Exercise description
The records are to be repeated in full. Every line must match.

Dataset records
○ ○ ○

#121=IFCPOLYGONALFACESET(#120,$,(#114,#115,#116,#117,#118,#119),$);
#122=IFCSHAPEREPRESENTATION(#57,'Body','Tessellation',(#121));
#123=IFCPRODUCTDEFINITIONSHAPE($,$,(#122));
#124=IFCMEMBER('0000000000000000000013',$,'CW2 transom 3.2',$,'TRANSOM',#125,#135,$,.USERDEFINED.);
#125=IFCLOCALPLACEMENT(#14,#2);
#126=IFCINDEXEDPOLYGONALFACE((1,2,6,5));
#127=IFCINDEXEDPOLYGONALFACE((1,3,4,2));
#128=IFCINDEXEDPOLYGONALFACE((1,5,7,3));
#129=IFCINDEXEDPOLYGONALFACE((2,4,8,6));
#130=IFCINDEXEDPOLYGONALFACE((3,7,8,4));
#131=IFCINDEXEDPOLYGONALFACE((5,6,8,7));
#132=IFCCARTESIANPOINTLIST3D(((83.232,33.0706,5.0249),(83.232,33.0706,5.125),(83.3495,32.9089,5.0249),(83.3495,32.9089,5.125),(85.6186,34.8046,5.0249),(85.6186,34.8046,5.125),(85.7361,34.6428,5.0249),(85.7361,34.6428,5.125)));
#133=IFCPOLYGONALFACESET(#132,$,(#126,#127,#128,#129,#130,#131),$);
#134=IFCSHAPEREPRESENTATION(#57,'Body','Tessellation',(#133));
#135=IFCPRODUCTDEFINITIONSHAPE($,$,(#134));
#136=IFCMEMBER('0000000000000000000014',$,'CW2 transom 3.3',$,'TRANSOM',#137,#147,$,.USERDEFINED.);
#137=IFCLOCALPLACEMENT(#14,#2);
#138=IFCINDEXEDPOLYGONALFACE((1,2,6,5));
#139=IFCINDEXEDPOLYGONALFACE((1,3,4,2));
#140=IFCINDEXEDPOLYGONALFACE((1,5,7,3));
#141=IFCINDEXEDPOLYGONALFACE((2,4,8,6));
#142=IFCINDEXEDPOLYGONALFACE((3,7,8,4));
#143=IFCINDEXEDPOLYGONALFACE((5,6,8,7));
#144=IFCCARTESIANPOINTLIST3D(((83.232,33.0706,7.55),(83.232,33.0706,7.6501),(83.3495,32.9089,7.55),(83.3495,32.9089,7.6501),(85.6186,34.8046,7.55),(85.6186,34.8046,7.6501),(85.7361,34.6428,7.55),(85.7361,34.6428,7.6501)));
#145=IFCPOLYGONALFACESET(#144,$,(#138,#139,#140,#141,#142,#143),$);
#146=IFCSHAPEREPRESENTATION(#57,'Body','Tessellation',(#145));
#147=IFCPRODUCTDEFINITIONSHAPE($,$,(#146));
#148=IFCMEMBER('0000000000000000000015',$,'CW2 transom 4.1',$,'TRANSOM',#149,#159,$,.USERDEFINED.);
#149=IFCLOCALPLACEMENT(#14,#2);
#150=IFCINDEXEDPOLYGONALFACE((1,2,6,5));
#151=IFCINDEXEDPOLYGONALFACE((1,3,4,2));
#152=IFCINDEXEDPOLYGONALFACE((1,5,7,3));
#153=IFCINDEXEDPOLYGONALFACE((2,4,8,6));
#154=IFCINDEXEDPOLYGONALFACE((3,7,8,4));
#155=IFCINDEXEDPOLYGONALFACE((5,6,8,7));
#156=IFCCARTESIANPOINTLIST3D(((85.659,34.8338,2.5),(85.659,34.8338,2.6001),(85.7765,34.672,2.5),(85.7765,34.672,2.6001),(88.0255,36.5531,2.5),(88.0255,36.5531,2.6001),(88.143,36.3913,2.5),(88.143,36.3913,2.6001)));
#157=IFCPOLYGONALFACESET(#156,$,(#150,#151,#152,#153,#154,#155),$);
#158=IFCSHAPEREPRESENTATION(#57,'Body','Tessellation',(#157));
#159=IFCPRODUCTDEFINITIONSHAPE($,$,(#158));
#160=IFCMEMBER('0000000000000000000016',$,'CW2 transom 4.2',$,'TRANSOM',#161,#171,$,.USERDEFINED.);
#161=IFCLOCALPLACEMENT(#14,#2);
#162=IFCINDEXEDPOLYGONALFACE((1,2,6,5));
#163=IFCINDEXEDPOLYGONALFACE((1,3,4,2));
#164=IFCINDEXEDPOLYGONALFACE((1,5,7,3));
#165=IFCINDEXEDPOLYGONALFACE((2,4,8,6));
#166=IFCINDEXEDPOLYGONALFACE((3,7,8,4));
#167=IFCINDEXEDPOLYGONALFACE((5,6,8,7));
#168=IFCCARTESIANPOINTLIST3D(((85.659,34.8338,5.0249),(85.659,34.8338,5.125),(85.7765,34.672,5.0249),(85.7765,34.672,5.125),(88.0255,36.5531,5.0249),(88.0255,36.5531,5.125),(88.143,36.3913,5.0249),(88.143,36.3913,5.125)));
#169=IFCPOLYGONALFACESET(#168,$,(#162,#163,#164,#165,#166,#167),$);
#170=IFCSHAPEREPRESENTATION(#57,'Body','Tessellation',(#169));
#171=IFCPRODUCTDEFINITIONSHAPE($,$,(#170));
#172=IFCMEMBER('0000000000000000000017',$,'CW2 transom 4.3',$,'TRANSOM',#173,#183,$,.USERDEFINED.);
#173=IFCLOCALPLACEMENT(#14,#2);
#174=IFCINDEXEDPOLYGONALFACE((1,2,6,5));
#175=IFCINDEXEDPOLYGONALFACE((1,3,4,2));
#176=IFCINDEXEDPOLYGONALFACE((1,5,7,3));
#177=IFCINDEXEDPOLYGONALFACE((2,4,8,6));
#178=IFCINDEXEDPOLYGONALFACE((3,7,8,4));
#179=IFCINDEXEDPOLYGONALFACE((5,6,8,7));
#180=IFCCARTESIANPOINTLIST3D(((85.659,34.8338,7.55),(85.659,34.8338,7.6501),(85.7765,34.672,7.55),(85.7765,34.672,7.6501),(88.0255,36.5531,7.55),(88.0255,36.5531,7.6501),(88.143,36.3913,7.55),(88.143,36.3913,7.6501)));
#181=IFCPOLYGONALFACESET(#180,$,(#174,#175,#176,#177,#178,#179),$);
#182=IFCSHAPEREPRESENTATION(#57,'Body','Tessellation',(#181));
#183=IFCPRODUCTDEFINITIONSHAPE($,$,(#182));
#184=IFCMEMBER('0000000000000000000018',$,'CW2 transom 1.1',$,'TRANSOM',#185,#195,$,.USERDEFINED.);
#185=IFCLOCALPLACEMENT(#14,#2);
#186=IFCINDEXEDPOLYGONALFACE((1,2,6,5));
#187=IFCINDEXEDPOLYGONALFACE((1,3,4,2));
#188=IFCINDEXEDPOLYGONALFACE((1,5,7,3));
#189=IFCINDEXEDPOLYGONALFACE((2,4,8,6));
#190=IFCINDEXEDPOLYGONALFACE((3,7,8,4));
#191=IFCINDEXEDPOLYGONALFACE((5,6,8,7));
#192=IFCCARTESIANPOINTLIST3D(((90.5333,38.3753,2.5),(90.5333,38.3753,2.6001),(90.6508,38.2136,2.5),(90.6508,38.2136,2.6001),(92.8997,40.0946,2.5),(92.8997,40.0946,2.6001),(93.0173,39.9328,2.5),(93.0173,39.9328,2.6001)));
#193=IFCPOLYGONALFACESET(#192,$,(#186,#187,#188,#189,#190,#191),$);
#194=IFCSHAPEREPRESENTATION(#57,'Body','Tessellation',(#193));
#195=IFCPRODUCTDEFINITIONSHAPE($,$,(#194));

○ ○ ○

Solution to the exercise
#121=IFCPOLYGONALFACESET(#120,$,(#114,#115,#116,#117,#118,#119),$);
#122=IFCSHAPEREPRESENTATION(#57,'Body','Tessellation',(#121));
#123=IFCPRODUCTDEFINITIONSHAPE($,$,(#122));
#124=IFCMEMBER('0000000000000000000013',$,'CW2 transom 3.2',$,'TRANSOM',#125,#135,$,.USERDEFINED.);
#125=IFCLOCALPLACEMENT(#14,#2);
#126=IFCINDEXEDPOLYGONALFACE((1,2,6,5));
#127=IFCINDEXEDPOLYGONALFACE((1,3,4,2));
#128=IFCINDEXEDPOLYGONALFACE((1,5,7,3));
#129=IFCINDEXEDPOLYGONALFACE((2,4,8,6));
#130=IFCINDEXEDPOLYGONALFACE((3,7,8,4));
#131=IFCINDEXEDPOLYGONALFACE((5,6,8,7));
#132=IFCCARTESIANPOINTLIST3D(((83.232,33.0706,5.0249),(83.232,33.0706,5.125),(83.3495,32.9089,5.0249),(83.3495,32.9089,5.125),(85.6186,34.8046,5.0249),(85.6186,34.8046,5.125),(85.7361,34.6428,5.0249),(85.7361,34.6428,5.125)));
#133=IFCPOLYGONALFACESET(#132,$,(#126,#127,#128,#129,#130,#131),$);
#134=IFCSHAPEREPRESENTATION(#57,'Body','Tessellation',(#133));
#135=IFCPRODUCTDEFINITIONSHAPE($,$,(#134));
#136=IFCMEMBER('0000000000000000000014',$,'CW2 transom 3.3',$,'TRANSOM',#137,#147,$,.USERDEFINED.);
#137=IFCLOCALPLACEMENT(#14,#2);
#138=IFCINDEXEDPOLYGONALFACE((1,2,6,5));
#139=IFCINDEXEDPOLYGONALFACE((1,3,4,2));
#140=IFCINDEXEDPOLYGONALFACE((1,5,7,3));
#141=IFCINDEXEDPOLYGONALFACE((2,4,8,6));
#142=IFCINDEXEDPOLYGONALFACE((3,7,8,4));
#143=IFCINDEXEDPOLYGONALFACE((5,6,8,7));
#144=IFCCARTESIANPOINTLIST3D(((83.232,33.0706,7.55),(83.232,33.0706,7.6501),(83.3495,32.9089,7.55),(83.3495,32.9089,7.6501),(85.6186,34.8046,7.55),(85.6186,34.8046,7.6501),(85.7361,34.6428,7.55),(85.7361,34.6428,7.6501)));
#145=IFCPOLYGONALFACESET(#144,$,(#138,#139,#140,#141,#142,#143),$);
#146=IFCSHAPEREPRESENTATION(#57,'Body','Tessellation',(#145));
#147=IFCPRODUCTDEFINITIONSHAPE($,$,(#146));
#148=IFCMEMBER('0000000000000000000015',$,'CW2 transom 4.1',$,'TRANSOM',#149,#159,$,.USERDEFINED.);
#149=IFCLOCALPLACEMENT(#14,#2);
#150=IFCINDEXEDPOLYGONALFACE((1,2,6,5));
#151=IFCINDEXEDPOLYGONALFACE((1,3,4,2));
#152=IFCINDEXEDPOLYGONALFACE((1,5,7,3));
#153=IFCINDEXEDPOLYGONALFACE((2,4,8,6));
#154=IFCINDEXEDPOLYGONALFACE((3,7,8,4));
#155=IFCINDEXEDPOLYGONALFACE((5,6,8,7));
#156=IFCCARTESIANPOINTLIST3D(((85.659,34.8338,2.5),(85.659,34.8338,2.6001),(85.7765,34.672,2.5),(85.7765,34.672,2.6001),(88.0255,36.5531,2.5),(88.0255,36.5531,2.6001),(88.143,36.3913,2.5),(88.143,36.3913,2.6001)));
#157=IFCPOLYGONALFACESET(#156,$,(#150,#151,#152,#153,#154,#155),$);
#158=IFCSHAPEREPRESENTATION(#57,'Body','Tessellation',(#157));
#159=IFCPRODUCTDEFINITIONSHAPE($,$,(#158));
#160=IFCMEMBER('0000000000000000000016',$,'CW2 transom 4.2',$,'TRANSOM',#161,#171,$,.USERDEFINED.);
#161=IFCLOCALPLACEMENT(#14,#2);
#162=IFCINDEXEDPOLYGONALFACE((1,2,6,5));
#163=IFCINDEXEDPOLYGONALFACE((1,3,4,2));
#164=IFCINDEXEDPOLYGONALFACE((1,5,7,3));
#165=IFCINDEXEDPOLYGONALFACE((2,4,8,6));
#166=IFCINDEXEDPOLYGONALFACE((3,7,8,4));
#167=IFCINDEXEDPOLYGONALFACE((5,6,8,7));
#168=IFCCARTESIANPOINTLIST3D(((85.659,34.8338,5.0249),(85.659,34.8338,5.125),(85.7765,34.672,5.0249),(85.7765,34.672,5.125),(88.0255,36.5531,5.0249),(88.0255,36.5531,5.125),(88.143,36.3913,5.0249),(88.143,36.3913,5.125)));
#169=IFCPOLYGONALFACESET(#168,$,(#162,#163,#164,#165,#166,#167),$);
#170=IFCSHAPEREPRESENTATION(#57,'Body','Tessellation',(#169));
#171=IFCPRODUCTDEFINITIONSHAPE($,$,(#170));
#172=IFCMEMBER('0000000000000000000017',$,'CW2 transom 4.3',$,'TRANSOM',#173,#183,$,.USERDEFINED.);
#173=IFCLOCALPLACEMENT(#14,#2);
#174=IFCINDEXEDPOLYGONALFACE((1,2,6,5));
#175=IFCINDEXEDPOLYGONALFACE((1,3,4,2));
#176=IFCINDEXEDPOLYGONALFACE((1,5,7,3));
#177=IFCINDEXEDPOLYGONALFACE((2,4,8,6));
#178=IFCINDEXEDPOLYGONALFACE((3,7,8,4));
#179=IFCINDEXEDPOLYGONALFACE((5,6,8,7));
#180=IFCCARTESIANPOINTLIST3D(((85.659,34.8338,7.55),(85.659,34.8338,7.6501),(85.7765,34.672,7.55),(85.7765,34.672,7.6501),(88.0255,36.5531,7.55),(88.0255,36.5531,7.6501),(88.143,36.3913,7.55),(88.143,36.3913,7.6501)));
#181=IFCPOLYGONALFACESET(#180,$,(#174,#175,#176,#177,#178,#179),$);
#182=IFCSHAPEREPRESENTATION(#57,'Body','Tessellation',(#181));
#183=IFCPRODUCTDEFINITIONSHAPE($,$,(#182));
#184=IFCMEMBER('0000000000000000000018',$,'CW2 transom 1.1',$,'TRANSOM',#185,#195,$,.USERDEFINED.);
#185=IFCLOCALPLACEMENT(#14,#2);
#186=IFCINDEXEDPOLYGONALFACE((1,2,6,5));
#187=IFCINDEXEDPOLYGONALFACE((1,3,4,2));
#188=IFCINDEXEDPOLYGONALFACE((1,5,7,3));
#189=IFCINDEXEDPOLYGONALFACE((2,4,8,6));
#190=IFCINDEXEDPOLYGONALFACE((3,7,8,4));
#191=IFCINDEXEDPOLYGONALFACE((5,6,8,7));
#192=IFCCARTESIANPOINTLIST3D(((90.5333,38.3753,2.5),(90.5333,38.3753,2.6001),(90.6508,38.2136,2.5),(90.6508,38.2136,2.6001),(92.8997,40.0946,2.5),(92.8997,40.0946,2.6001),(93.0173,39.9328,2.5),(93.0173,39.9328,2.6001)));
#193=IFCPOLYGONALFACESET(#192,$,(#186,#187,#188,#189,#190,#191),$);
#194=IFCSHAPEREPRESENTATION(#57,'Body','Tessellation',(#193));
#195=IFCPRODUCTDEFINITIONSHAPE($,$,(#194));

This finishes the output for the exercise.